● Required work
Please copy out the entries below exactly, beginning with the line that contains "#142=IFCWALLTYPE('0000000000000000000018',$,'Core inner wall" and ending with the line that contains "#148=IFCDOORTYPE('0000000000000000000024',$,'Fire door 1000", and include nothing outside that span.

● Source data
.....

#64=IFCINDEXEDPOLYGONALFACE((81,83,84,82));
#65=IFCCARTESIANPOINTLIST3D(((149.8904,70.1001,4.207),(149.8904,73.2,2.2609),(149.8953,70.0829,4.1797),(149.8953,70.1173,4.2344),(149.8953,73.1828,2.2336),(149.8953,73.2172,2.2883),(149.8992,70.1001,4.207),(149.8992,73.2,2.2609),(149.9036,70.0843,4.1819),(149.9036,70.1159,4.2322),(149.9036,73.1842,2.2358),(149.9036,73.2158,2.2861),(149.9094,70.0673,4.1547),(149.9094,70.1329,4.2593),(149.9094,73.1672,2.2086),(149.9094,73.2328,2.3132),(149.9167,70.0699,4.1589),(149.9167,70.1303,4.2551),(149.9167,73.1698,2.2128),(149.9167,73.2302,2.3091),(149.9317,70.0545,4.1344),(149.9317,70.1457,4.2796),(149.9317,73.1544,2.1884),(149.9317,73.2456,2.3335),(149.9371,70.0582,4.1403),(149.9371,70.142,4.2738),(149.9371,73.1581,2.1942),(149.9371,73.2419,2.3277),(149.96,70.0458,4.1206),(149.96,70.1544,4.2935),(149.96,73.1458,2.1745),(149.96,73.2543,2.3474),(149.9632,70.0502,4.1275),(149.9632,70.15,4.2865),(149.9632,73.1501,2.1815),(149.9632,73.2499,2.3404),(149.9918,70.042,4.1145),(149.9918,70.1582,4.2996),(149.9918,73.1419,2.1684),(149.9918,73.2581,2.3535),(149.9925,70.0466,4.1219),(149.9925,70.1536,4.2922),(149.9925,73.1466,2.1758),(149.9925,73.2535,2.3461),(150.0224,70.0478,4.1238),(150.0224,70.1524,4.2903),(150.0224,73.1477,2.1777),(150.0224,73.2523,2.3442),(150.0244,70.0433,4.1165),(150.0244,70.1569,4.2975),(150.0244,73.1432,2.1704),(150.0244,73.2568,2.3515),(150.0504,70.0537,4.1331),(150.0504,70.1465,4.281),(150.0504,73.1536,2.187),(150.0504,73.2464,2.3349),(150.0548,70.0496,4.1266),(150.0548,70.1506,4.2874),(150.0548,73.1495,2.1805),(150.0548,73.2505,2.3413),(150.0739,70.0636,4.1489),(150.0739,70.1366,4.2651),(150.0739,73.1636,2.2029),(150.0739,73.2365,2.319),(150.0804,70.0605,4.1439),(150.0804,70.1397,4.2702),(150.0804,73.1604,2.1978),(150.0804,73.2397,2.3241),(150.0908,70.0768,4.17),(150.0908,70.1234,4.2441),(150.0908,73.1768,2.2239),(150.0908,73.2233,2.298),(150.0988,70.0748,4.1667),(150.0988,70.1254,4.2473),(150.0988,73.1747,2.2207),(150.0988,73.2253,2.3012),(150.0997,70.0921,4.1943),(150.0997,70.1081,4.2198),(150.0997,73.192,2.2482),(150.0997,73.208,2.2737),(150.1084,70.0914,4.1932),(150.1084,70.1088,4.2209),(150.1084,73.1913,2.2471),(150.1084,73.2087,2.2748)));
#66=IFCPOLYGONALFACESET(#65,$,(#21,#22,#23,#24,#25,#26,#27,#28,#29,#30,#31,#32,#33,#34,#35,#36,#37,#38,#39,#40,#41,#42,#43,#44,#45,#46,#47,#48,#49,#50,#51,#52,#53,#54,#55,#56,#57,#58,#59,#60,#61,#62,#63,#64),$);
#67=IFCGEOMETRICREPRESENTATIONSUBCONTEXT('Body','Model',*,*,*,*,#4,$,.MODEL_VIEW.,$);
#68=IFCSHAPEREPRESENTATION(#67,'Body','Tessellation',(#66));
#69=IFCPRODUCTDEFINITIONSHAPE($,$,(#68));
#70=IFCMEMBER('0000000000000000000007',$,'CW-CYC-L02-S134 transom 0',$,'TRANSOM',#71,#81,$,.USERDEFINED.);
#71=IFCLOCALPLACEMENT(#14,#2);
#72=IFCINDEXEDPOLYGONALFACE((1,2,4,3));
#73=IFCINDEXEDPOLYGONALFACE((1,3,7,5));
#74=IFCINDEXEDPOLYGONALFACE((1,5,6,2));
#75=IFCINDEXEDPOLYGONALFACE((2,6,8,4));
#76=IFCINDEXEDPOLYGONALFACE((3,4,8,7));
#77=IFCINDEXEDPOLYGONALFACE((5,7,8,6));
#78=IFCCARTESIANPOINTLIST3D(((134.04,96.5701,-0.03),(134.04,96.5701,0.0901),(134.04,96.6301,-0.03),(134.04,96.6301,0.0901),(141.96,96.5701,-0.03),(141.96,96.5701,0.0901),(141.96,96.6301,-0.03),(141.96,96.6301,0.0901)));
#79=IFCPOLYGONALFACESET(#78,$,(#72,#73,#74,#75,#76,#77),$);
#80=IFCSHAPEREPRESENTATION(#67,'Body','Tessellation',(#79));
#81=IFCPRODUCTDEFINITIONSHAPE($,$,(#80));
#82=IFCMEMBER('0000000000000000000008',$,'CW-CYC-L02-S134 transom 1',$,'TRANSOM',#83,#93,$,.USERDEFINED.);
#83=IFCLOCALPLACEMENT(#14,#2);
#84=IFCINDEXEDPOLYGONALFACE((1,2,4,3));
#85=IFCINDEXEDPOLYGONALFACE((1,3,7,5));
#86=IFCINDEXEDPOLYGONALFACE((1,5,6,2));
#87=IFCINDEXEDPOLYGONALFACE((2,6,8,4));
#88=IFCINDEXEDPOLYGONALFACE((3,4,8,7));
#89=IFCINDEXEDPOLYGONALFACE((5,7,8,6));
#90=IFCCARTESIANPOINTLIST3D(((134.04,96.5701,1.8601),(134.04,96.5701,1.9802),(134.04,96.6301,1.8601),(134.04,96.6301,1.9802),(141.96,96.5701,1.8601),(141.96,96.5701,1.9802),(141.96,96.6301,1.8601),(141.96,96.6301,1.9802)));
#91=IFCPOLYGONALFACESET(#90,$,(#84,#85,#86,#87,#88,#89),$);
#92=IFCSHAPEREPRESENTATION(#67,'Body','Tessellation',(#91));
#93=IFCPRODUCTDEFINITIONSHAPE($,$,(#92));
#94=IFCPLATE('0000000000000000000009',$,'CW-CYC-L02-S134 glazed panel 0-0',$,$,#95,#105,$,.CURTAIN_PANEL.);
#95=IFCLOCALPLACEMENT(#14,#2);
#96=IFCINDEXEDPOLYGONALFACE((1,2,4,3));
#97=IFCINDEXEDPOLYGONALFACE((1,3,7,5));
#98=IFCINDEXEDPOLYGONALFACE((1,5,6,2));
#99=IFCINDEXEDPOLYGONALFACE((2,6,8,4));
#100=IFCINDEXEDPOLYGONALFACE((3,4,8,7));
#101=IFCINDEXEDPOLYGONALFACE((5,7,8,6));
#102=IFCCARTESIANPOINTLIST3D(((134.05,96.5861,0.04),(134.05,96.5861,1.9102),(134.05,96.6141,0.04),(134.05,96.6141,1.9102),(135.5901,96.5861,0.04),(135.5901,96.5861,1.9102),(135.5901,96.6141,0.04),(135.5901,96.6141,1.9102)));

.....

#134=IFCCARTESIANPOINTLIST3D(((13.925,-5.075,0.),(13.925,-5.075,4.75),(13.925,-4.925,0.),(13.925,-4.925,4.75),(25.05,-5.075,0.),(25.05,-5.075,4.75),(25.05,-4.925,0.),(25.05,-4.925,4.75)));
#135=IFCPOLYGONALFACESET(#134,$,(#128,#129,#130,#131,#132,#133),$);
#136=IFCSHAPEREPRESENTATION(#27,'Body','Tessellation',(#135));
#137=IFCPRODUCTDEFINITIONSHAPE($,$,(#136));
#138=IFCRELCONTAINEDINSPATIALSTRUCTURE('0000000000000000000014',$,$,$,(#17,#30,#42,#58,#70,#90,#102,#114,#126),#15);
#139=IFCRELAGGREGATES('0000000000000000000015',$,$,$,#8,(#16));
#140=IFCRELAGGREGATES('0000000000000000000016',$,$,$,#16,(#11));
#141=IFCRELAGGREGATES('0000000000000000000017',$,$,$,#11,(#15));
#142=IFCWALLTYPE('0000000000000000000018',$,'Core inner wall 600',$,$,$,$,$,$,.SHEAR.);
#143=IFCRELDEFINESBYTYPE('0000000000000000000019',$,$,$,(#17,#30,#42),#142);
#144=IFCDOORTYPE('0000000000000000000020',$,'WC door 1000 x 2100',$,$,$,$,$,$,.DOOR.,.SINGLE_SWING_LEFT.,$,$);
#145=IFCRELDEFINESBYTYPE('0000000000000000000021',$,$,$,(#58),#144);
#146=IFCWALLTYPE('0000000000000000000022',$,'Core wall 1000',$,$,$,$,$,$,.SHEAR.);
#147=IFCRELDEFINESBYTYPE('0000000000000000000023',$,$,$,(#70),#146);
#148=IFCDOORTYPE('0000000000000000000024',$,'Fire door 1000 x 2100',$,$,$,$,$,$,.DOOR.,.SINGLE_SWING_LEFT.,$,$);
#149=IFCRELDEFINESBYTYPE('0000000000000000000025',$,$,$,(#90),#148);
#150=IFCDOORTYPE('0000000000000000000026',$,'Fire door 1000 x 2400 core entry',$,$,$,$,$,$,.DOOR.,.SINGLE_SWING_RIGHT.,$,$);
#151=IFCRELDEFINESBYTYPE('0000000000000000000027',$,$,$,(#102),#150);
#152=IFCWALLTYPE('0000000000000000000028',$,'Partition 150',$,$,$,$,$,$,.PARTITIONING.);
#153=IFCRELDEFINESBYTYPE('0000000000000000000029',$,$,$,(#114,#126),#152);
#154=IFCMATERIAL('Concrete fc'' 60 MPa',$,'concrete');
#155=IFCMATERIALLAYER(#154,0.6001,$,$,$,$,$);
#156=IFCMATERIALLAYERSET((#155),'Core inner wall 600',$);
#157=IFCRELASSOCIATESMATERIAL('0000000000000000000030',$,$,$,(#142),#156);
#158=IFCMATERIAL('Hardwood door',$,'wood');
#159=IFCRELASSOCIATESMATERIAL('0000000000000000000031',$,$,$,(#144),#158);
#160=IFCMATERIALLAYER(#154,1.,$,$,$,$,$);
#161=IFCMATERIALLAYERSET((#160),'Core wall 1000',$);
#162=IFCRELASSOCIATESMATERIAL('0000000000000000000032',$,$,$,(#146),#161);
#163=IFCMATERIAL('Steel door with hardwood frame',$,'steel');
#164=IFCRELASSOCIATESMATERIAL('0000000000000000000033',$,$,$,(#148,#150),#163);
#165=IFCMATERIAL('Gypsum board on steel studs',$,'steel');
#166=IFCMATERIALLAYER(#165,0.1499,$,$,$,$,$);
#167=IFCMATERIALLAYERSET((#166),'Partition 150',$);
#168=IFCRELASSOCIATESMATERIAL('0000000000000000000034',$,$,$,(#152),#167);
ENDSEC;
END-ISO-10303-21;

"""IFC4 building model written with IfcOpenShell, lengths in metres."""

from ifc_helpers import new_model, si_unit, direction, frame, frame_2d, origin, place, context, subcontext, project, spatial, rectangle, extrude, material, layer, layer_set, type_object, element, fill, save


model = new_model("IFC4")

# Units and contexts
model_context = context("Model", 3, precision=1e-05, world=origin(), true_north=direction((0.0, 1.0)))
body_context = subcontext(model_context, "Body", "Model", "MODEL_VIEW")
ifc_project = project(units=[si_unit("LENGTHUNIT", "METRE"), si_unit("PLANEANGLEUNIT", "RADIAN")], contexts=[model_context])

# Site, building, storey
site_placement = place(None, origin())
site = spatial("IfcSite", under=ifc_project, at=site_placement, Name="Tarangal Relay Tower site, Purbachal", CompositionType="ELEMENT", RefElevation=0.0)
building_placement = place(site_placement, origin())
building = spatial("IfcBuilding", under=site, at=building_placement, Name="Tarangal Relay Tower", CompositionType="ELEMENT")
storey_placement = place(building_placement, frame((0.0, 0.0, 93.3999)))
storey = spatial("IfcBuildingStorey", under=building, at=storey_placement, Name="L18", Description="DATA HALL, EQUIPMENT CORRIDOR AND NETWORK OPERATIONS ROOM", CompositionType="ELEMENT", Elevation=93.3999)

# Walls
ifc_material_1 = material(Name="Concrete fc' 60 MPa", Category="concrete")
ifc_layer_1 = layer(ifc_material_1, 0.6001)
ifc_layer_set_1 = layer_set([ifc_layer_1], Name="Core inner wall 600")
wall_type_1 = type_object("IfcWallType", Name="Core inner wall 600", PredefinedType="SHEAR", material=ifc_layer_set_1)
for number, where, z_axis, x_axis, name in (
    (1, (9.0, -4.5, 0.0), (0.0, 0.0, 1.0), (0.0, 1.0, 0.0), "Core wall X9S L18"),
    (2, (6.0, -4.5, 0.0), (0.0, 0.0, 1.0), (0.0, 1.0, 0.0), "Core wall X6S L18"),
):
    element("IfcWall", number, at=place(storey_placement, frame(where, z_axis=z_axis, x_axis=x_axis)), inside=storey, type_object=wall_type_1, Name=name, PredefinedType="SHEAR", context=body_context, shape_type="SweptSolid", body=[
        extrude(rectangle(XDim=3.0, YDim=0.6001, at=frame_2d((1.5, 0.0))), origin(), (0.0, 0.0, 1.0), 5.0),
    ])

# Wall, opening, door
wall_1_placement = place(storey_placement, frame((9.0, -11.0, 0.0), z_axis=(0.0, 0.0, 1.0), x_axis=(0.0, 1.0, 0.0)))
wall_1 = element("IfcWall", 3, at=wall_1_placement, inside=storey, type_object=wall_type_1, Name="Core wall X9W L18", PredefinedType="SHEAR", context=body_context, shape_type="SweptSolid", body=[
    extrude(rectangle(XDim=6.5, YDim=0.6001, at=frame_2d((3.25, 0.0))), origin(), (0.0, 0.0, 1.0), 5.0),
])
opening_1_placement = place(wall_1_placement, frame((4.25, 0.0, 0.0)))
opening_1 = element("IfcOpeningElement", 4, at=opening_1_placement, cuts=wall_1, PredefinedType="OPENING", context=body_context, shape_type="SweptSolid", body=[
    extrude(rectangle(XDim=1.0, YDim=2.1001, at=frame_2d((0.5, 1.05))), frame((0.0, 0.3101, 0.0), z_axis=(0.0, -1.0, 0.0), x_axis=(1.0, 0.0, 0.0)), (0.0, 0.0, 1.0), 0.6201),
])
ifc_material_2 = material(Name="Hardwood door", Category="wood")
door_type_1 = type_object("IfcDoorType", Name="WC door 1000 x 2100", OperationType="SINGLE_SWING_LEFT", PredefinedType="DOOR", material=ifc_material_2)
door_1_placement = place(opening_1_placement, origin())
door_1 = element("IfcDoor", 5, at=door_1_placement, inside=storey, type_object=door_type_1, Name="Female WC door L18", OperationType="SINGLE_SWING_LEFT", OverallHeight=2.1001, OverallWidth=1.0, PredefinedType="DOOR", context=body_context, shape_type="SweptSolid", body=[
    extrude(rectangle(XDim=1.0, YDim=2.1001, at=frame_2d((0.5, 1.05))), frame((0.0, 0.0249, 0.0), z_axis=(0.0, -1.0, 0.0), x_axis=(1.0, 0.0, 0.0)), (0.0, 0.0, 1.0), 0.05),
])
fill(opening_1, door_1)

.....

● Answer section
#142=IFCWALLTYPE('0000000000000000000018',$,'Core inner wall 600',$,$,$,$,$,$,.SHEAR.);
#143=IFCRELDEFINESBYTYPE('0000000000000000000019',$,$,$,(#17,#30,#42),#142);
#144=IFCDOORTYPE('0000000000000000000020',$,'WC door 1000 x 2100',$,$,$,$,$,$,.DOOR.,.SINGLE_SWING_LEFT.,$,$);
#145=IFCRELDEFINESBYTYPE('0000000000000000000021',$,$,$,(#58),#144);
#146=IFCWALLTYPE('0000000000000000000022',$,'Core wall 1000',$,$,$,$,$,$,.SHEAR.);
#147=IFCRELDEFINESBYTYPE('0000000000000000000023',$,$,$,(#70),#146);
#148=IFCDOORTYPE('0000000000000000000024',$,'Fire door 1000 x 2100',$,$,$,$,$,$,.DOOR.,.SINGLE_SWING_LEFT.,$,$);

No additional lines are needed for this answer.